Task requirements: Beginning with the line below that contains "#118=IFCINDEXEDPOLYGONALFACE((14,18,60,56));" and ending with the line that contains "#122=IFCINDEXEDPOLYGONALFACE((18,22,64,60));", copy every line exactly. Copy nothing else.

Dataset records:
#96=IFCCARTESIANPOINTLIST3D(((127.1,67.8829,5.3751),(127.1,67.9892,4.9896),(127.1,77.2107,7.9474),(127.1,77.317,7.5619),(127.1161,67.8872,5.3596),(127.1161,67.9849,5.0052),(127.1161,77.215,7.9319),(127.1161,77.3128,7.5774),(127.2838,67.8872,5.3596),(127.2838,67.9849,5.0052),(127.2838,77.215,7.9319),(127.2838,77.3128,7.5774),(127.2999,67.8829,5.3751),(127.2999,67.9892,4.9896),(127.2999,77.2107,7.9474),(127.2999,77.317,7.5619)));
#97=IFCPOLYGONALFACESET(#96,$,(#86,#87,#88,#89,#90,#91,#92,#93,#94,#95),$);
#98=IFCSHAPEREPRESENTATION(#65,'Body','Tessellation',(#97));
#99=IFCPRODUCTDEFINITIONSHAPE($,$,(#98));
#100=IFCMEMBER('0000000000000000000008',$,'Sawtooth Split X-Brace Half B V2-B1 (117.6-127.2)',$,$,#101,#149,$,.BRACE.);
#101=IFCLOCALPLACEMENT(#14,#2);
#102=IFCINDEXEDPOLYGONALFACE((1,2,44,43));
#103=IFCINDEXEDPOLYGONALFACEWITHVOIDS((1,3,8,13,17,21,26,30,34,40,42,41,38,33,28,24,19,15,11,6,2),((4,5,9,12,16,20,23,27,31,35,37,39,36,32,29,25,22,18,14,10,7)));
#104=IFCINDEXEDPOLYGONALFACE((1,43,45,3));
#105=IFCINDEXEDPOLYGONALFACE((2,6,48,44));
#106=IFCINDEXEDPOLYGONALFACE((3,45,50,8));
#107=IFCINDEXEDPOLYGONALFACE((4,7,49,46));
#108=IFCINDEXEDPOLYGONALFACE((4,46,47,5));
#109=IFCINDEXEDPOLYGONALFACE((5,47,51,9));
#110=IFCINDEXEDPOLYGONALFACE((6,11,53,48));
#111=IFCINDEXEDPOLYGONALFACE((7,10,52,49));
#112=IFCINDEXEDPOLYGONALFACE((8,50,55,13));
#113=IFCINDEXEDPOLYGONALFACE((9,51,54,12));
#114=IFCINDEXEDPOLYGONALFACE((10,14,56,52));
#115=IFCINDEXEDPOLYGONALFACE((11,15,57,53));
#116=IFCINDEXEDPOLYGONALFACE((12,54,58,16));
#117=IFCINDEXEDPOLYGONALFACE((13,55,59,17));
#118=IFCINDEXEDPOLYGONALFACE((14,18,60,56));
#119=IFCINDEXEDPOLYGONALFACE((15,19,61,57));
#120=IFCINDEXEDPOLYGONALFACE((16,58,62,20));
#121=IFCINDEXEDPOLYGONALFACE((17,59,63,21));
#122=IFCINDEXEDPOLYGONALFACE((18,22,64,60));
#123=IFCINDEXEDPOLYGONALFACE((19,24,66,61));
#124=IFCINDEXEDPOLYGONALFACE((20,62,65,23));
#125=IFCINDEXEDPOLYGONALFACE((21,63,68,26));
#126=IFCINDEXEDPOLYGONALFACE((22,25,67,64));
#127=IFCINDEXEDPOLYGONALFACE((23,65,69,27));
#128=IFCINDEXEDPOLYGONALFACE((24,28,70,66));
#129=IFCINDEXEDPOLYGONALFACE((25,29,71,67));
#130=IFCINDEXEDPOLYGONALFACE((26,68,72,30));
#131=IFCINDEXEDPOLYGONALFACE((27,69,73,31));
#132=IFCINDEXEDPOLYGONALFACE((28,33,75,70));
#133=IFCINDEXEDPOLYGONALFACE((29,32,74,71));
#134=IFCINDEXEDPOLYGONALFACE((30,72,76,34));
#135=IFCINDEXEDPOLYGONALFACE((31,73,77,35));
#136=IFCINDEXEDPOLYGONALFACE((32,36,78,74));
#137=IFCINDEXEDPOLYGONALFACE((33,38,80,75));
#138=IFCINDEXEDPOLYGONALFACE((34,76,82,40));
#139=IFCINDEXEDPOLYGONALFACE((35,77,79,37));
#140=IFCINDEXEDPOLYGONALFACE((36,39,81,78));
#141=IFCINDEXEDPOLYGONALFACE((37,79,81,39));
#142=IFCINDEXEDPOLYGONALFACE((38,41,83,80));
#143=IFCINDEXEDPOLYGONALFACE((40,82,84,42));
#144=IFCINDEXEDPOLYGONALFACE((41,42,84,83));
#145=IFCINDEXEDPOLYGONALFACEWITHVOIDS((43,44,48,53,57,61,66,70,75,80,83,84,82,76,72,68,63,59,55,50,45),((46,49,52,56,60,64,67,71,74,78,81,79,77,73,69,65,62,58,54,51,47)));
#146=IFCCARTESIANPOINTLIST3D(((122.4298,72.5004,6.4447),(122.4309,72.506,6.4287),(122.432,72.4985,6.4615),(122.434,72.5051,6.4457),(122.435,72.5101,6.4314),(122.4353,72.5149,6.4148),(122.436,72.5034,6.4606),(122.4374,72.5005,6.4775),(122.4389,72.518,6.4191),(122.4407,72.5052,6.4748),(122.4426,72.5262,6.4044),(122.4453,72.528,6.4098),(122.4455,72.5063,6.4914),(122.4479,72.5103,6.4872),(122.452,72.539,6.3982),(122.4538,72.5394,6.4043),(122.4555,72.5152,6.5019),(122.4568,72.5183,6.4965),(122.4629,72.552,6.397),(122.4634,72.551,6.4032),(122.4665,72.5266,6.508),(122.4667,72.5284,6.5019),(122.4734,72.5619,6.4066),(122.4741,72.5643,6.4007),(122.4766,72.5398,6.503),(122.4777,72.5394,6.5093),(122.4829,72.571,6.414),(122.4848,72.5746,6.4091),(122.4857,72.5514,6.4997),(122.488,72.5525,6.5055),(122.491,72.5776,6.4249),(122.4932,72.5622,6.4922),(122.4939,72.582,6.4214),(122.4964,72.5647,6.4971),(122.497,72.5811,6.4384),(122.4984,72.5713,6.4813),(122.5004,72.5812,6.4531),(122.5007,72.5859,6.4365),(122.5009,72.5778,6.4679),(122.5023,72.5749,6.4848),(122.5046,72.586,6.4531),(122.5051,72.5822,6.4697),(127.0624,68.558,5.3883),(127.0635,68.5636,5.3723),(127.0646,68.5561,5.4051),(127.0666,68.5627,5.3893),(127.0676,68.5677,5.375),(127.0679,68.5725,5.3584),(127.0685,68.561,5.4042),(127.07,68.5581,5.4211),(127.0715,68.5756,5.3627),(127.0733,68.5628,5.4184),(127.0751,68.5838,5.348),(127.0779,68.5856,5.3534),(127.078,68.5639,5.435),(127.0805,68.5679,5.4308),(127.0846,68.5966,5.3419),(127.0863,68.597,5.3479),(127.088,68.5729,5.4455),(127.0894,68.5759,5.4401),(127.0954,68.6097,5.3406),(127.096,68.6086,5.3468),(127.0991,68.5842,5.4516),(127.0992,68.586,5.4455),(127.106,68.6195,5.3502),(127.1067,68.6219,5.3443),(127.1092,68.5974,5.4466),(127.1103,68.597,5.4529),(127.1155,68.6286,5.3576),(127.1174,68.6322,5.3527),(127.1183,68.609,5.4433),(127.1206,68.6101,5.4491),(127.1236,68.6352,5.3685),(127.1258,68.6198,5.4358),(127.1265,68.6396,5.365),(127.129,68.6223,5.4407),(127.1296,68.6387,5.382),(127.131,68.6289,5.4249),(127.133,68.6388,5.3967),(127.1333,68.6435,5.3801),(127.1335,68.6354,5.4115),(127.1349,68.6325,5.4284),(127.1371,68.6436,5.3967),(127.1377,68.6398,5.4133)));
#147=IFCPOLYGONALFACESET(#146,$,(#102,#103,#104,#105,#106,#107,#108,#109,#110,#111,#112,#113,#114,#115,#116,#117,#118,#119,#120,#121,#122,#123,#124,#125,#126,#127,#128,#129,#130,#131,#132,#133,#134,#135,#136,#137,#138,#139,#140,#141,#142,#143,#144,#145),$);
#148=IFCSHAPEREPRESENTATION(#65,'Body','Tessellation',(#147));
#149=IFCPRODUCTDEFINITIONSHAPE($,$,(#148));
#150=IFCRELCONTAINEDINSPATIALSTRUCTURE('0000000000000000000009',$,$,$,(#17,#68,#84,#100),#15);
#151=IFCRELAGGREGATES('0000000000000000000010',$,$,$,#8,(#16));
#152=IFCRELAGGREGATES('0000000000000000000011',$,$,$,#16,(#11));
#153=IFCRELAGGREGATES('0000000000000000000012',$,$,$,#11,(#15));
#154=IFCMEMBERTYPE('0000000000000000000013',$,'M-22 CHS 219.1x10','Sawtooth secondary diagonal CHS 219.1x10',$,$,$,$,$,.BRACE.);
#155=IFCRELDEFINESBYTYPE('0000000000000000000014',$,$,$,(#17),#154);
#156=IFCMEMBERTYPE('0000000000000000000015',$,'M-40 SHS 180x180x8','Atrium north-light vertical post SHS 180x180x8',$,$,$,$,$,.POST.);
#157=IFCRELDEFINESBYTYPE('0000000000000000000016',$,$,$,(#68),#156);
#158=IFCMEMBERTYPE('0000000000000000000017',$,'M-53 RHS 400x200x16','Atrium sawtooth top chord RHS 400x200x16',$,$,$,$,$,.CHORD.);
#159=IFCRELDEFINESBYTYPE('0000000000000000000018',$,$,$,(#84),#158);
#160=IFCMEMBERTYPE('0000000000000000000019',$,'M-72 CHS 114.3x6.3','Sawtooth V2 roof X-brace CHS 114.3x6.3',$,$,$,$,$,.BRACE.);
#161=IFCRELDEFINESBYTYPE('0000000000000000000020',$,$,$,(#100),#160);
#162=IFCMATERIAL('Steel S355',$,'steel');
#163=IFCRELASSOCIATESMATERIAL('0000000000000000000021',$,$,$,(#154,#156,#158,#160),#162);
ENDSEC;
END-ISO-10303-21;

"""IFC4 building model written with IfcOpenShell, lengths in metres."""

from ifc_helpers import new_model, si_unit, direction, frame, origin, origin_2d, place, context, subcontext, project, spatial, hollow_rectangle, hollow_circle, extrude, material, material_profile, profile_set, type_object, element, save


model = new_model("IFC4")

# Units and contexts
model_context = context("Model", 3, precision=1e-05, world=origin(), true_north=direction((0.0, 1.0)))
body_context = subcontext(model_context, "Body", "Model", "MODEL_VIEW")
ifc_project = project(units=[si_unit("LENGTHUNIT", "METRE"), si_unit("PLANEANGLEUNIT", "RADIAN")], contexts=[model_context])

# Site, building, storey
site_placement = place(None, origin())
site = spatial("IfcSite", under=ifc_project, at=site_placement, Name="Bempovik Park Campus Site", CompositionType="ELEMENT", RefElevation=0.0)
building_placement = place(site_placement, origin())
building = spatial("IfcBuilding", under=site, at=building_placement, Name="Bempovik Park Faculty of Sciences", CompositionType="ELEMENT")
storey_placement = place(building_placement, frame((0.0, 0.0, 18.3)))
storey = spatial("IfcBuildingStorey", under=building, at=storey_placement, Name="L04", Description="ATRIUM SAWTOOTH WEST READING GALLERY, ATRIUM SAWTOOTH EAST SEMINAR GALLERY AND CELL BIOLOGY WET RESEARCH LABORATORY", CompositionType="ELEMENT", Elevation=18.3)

Reply:
#118=IFCINDEXEDPOLYGONALFACE((14,18,60,56));
#119=IFCINDEXEDPOLYGONALFACE((15,19,61,57));
#120=IFCINDEXEDPOLYGONALFACE((16,58,62,20));
#121=IFCINDEXEDPOLYGONALFACE((17,59,63,21));
#122=IFCINDEXEDPOLYGONALFACE((18,22,64,60));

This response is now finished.